> [Exercise inputs]:
+--
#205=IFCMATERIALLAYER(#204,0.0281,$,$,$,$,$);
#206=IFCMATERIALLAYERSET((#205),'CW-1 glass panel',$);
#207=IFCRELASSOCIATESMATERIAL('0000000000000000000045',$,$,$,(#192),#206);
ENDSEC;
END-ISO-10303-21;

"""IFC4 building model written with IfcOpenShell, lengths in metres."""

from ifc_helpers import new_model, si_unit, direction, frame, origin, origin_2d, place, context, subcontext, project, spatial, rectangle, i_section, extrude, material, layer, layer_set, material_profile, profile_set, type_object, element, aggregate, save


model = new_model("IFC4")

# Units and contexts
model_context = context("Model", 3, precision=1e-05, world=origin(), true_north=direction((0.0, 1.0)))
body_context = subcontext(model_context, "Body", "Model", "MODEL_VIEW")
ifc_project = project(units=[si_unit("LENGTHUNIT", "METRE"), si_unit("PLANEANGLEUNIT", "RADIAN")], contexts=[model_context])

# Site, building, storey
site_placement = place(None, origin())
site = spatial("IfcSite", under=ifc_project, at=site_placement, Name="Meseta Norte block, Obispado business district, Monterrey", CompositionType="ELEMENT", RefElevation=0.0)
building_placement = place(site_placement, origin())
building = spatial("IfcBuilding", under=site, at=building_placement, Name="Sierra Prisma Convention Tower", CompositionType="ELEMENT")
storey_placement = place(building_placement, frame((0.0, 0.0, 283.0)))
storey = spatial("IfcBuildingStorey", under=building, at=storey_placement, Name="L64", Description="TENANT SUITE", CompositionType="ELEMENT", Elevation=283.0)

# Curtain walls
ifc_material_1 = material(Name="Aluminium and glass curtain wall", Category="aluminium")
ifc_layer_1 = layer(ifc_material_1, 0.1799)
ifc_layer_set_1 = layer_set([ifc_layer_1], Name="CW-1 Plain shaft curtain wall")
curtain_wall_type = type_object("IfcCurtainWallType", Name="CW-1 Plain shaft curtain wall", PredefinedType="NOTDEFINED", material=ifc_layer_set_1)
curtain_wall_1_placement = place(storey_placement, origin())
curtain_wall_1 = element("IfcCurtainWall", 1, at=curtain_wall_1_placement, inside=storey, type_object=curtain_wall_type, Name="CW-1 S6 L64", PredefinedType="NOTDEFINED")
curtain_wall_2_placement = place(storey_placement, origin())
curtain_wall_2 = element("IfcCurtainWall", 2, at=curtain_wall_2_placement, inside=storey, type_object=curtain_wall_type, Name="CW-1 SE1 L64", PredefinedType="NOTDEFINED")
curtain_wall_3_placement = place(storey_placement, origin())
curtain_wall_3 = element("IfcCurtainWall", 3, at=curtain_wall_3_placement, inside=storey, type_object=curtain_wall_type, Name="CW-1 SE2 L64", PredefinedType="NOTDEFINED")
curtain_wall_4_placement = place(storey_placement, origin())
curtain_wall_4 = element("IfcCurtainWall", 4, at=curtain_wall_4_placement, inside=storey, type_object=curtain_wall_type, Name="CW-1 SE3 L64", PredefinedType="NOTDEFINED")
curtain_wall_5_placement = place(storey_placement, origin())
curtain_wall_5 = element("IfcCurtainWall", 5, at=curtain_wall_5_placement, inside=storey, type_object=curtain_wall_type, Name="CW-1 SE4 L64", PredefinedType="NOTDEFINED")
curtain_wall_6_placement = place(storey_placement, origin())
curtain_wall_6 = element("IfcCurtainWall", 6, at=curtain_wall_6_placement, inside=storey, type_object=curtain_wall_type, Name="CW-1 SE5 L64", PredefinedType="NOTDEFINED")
+--
> [Directions]: Lines above that include the string "contexts" need to be copied.

> [Result below]:
# Units and contexts
ifc_project = project(units=[si_unit("LENGTHUNIT", "METRE"), si_unit("PLANEANGLEUNIT", "RADIAN")], contexts=[model_context])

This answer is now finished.